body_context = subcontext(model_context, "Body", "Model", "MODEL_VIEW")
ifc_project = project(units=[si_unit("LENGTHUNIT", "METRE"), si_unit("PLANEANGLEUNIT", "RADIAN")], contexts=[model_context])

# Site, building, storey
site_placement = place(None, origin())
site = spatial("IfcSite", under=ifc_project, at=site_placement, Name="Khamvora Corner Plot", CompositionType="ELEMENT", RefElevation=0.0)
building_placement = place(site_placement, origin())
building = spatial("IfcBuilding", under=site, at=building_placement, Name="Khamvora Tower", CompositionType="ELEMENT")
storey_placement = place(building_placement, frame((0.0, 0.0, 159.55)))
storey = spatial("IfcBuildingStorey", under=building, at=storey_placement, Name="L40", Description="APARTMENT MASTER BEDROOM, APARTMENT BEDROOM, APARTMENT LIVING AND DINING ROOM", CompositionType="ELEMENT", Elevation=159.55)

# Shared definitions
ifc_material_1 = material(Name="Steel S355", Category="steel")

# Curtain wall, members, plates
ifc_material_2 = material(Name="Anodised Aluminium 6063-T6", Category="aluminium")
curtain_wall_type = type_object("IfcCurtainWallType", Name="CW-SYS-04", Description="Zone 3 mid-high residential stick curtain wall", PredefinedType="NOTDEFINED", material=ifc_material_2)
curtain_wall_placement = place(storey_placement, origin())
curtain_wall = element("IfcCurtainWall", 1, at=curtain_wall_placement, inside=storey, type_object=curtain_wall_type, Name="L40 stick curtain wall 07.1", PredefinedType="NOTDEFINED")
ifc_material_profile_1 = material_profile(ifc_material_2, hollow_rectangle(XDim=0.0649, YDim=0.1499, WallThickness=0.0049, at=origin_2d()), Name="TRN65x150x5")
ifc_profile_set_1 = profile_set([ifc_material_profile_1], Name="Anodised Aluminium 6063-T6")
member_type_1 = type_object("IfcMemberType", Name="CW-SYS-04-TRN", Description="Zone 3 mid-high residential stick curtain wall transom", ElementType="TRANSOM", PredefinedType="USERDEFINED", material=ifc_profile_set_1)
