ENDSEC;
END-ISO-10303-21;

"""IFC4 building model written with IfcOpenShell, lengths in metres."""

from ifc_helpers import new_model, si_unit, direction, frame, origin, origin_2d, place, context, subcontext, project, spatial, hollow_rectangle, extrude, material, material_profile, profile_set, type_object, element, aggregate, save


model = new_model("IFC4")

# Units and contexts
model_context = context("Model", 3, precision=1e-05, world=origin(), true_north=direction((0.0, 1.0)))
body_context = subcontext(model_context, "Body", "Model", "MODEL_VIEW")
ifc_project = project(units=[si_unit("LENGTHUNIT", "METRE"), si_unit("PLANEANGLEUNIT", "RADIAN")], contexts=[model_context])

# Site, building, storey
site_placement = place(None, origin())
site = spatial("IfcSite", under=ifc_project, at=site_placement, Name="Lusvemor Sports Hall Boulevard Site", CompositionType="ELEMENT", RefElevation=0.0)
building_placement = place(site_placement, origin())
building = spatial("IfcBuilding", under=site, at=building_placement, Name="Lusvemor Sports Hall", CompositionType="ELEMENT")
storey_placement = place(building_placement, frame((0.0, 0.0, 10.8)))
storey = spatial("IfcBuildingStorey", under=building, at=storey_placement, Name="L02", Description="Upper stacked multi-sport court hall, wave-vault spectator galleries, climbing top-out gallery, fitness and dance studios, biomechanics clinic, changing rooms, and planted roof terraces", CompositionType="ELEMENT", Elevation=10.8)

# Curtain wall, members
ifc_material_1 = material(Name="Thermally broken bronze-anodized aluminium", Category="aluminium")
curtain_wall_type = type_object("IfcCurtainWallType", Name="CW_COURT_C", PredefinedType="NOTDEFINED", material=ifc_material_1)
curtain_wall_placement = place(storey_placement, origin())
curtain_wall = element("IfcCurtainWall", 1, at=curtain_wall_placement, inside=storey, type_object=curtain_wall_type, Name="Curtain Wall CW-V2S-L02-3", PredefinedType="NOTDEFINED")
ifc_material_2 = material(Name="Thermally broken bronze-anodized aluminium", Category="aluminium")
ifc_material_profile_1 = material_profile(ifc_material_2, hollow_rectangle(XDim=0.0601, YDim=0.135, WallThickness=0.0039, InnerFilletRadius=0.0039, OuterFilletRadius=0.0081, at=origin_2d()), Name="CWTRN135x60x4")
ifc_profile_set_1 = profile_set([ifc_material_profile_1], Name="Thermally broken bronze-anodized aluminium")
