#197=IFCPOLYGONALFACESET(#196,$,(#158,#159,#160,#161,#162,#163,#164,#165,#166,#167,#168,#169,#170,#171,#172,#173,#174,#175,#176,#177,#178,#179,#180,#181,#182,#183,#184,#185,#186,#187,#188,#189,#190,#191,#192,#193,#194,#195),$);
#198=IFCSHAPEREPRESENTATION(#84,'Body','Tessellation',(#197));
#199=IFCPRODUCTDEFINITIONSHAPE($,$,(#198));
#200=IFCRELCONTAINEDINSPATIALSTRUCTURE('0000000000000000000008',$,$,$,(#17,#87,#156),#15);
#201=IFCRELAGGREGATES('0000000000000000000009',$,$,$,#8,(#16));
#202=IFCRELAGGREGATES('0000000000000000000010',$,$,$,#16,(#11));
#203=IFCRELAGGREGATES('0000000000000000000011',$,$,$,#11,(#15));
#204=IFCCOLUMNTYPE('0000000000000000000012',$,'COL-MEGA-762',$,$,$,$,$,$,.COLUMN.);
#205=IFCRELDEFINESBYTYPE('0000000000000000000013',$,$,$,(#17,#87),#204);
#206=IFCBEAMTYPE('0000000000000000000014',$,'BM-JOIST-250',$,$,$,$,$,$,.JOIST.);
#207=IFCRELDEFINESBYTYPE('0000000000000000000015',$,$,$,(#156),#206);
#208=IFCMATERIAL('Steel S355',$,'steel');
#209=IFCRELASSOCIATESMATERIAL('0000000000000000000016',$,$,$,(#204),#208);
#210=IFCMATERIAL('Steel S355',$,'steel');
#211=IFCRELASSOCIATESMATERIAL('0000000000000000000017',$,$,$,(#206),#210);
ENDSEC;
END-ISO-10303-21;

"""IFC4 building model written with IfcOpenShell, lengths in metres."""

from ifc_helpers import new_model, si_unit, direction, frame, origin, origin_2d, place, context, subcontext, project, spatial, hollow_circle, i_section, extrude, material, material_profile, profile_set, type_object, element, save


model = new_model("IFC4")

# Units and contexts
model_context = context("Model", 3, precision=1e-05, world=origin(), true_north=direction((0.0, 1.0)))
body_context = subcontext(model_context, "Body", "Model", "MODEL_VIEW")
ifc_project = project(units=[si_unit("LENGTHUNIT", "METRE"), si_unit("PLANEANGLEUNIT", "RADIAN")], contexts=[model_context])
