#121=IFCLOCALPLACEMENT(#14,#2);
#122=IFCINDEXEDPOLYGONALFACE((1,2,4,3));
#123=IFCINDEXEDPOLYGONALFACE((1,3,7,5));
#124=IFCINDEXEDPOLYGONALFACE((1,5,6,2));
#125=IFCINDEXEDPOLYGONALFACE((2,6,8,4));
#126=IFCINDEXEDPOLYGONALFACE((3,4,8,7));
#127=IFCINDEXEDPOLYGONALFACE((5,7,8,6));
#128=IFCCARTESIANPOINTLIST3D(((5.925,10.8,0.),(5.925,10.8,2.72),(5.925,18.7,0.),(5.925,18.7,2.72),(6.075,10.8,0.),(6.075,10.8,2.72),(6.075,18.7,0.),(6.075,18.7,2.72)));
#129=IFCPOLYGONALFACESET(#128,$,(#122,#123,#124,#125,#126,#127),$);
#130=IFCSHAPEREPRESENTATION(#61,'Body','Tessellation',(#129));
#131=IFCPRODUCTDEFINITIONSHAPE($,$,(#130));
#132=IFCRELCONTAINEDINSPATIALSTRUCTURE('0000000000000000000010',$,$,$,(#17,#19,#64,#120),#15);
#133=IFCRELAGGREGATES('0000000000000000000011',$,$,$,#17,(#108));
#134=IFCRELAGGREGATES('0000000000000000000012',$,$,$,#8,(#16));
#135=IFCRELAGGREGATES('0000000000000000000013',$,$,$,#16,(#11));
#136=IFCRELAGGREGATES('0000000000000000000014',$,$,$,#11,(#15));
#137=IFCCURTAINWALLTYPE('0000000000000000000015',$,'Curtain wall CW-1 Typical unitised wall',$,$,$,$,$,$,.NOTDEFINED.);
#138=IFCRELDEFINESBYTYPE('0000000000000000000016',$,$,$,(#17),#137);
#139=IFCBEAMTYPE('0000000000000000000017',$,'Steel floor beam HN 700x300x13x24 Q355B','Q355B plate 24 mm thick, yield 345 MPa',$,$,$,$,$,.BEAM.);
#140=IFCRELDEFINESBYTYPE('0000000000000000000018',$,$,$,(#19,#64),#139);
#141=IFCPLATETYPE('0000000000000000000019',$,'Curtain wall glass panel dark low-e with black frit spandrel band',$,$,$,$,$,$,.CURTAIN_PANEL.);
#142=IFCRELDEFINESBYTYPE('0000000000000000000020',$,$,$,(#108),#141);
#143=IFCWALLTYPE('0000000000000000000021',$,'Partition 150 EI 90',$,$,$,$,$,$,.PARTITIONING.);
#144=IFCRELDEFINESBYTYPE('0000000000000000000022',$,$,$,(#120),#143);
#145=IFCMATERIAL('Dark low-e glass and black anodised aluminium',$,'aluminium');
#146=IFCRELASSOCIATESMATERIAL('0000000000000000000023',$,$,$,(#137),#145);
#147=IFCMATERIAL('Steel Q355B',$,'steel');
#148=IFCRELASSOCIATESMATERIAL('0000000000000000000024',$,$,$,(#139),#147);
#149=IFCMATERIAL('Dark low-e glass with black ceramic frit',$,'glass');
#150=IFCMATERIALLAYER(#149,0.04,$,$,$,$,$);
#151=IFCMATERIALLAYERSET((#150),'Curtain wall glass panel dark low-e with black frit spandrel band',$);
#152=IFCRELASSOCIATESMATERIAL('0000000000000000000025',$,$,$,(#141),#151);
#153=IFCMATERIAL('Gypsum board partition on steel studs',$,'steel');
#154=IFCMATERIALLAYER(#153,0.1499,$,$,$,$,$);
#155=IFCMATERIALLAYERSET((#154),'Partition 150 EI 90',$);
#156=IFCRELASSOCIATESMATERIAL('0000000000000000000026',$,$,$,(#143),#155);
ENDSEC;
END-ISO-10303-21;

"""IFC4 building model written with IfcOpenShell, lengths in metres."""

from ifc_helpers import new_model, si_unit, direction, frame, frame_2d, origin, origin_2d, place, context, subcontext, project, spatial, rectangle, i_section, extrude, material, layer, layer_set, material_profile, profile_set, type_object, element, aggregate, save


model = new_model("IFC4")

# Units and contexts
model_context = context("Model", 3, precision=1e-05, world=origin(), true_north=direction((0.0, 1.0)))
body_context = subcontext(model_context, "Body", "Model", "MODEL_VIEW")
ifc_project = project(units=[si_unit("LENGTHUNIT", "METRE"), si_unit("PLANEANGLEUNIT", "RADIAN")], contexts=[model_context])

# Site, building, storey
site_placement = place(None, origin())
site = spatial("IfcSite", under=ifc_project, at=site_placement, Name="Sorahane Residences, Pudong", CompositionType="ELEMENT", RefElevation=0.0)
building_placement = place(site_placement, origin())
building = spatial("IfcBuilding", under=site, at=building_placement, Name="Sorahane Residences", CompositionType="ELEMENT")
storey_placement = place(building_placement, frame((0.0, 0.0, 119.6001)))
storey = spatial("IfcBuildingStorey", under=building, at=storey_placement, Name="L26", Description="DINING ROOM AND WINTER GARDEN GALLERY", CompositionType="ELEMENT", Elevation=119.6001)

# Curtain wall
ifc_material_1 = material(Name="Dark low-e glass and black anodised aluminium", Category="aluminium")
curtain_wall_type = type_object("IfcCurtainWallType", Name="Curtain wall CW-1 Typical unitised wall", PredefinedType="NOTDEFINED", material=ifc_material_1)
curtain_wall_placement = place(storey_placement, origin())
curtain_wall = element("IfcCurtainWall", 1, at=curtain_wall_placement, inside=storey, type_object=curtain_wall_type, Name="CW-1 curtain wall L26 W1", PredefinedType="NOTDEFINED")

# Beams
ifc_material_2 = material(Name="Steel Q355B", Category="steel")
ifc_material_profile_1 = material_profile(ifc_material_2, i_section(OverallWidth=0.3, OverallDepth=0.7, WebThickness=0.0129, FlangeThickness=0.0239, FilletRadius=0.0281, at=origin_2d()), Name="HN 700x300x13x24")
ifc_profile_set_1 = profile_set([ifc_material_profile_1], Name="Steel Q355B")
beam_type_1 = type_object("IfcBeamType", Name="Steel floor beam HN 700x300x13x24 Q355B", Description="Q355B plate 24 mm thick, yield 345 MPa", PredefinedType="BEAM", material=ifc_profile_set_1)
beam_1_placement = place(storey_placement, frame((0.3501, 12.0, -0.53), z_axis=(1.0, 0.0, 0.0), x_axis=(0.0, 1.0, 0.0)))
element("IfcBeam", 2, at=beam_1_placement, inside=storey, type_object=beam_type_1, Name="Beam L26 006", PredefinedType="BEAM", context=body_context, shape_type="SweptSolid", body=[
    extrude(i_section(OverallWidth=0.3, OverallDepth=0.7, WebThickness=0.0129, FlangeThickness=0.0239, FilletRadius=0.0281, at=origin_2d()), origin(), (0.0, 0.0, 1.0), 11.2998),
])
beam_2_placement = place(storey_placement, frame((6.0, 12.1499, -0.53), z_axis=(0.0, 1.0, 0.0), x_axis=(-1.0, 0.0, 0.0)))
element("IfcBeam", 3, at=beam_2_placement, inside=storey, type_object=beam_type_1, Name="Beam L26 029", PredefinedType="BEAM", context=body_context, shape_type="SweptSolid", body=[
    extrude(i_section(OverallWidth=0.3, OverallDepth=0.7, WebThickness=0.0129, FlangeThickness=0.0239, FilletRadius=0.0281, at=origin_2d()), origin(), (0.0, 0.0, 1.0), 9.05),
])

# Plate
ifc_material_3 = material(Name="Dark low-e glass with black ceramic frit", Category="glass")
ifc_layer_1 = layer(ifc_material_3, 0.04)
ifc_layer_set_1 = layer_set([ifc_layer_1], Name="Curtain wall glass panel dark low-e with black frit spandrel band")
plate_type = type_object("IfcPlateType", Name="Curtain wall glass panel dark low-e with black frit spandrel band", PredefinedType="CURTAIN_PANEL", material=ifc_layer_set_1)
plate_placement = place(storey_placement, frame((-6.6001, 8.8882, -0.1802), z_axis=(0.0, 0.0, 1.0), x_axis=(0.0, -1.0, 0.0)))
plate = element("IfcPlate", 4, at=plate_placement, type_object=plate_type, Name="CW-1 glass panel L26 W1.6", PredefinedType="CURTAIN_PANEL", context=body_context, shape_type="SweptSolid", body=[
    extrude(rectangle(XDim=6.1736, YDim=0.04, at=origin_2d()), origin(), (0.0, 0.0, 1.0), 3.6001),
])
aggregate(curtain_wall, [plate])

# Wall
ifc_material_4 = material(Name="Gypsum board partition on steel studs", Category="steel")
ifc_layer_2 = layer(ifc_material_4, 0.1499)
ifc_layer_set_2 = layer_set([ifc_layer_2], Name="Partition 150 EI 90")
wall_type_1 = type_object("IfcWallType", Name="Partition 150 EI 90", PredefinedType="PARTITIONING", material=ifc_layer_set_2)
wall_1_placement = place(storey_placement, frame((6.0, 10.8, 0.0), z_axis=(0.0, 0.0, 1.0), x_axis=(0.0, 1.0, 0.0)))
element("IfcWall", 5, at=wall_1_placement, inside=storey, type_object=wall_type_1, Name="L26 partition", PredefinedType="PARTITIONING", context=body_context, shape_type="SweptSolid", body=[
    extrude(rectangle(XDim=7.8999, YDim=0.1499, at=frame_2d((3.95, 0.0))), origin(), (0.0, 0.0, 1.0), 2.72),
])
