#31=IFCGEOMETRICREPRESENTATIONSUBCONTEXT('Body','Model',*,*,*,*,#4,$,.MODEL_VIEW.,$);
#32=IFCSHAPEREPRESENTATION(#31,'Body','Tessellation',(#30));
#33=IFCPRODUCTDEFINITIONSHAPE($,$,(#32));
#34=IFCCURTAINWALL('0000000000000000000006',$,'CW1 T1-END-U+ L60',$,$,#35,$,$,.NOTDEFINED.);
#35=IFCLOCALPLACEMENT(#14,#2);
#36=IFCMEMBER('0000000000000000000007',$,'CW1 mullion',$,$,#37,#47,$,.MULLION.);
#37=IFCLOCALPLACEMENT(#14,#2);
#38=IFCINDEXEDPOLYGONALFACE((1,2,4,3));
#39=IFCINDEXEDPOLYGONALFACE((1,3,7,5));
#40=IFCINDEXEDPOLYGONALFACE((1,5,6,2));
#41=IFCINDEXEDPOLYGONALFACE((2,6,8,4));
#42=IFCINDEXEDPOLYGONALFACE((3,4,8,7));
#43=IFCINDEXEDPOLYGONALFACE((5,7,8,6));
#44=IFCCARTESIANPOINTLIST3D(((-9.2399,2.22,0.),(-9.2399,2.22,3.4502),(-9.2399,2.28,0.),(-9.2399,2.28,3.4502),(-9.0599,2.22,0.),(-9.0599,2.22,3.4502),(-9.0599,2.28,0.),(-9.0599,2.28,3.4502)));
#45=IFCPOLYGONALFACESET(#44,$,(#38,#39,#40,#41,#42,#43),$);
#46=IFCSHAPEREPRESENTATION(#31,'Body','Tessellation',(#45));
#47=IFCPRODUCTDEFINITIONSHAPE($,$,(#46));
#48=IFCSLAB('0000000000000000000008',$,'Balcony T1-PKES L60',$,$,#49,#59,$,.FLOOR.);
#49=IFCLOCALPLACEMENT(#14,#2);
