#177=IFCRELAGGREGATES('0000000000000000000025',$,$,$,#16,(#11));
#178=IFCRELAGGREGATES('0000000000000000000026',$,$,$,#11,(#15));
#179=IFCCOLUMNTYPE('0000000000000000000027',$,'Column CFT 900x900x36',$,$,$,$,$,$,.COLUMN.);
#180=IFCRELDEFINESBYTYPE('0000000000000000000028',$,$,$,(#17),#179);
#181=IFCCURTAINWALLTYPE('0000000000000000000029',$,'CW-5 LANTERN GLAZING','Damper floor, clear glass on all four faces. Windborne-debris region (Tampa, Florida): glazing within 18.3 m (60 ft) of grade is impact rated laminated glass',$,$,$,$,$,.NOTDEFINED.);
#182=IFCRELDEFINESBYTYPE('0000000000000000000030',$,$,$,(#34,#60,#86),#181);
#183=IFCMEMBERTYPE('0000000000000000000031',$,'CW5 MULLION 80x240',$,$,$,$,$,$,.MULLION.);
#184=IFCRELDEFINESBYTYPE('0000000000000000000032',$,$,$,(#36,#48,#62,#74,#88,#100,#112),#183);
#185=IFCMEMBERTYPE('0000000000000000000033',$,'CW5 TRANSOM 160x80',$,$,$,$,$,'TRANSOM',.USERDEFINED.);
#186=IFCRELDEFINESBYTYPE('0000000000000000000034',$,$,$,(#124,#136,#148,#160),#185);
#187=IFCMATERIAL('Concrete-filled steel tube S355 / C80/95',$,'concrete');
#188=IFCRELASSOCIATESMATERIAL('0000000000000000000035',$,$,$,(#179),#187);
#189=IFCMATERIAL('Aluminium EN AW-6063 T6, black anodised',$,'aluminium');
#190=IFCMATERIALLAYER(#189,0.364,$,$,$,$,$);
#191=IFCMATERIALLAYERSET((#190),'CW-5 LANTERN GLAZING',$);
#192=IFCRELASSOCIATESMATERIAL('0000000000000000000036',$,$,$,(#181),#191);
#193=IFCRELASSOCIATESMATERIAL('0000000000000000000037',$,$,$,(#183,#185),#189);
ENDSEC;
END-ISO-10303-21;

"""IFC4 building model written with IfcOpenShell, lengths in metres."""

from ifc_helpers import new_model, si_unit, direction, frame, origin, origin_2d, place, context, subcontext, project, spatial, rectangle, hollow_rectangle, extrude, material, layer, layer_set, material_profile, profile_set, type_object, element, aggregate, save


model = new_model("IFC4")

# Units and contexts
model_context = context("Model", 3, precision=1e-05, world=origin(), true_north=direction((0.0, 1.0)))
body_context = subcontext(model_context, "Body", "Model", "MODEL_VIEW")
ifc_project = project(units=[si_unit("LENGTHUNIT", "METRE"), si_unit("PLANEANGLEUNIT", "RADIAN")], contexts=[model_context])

++++++++++

Task | Make a copy of each line in the records above that has the word "COLUMN".

Solution to this task |
#204=IFCCOLUMNTYPE('0000000000000000000012',$,'COL-MEGA-762',$,$,$,$,$,$,.COLUMN.);
#179=IFCCOLUMNTYPE('0000000000000000000027',$,'Column CFT 900x900x36',$,$,$,$,$,$,.COLUMN.);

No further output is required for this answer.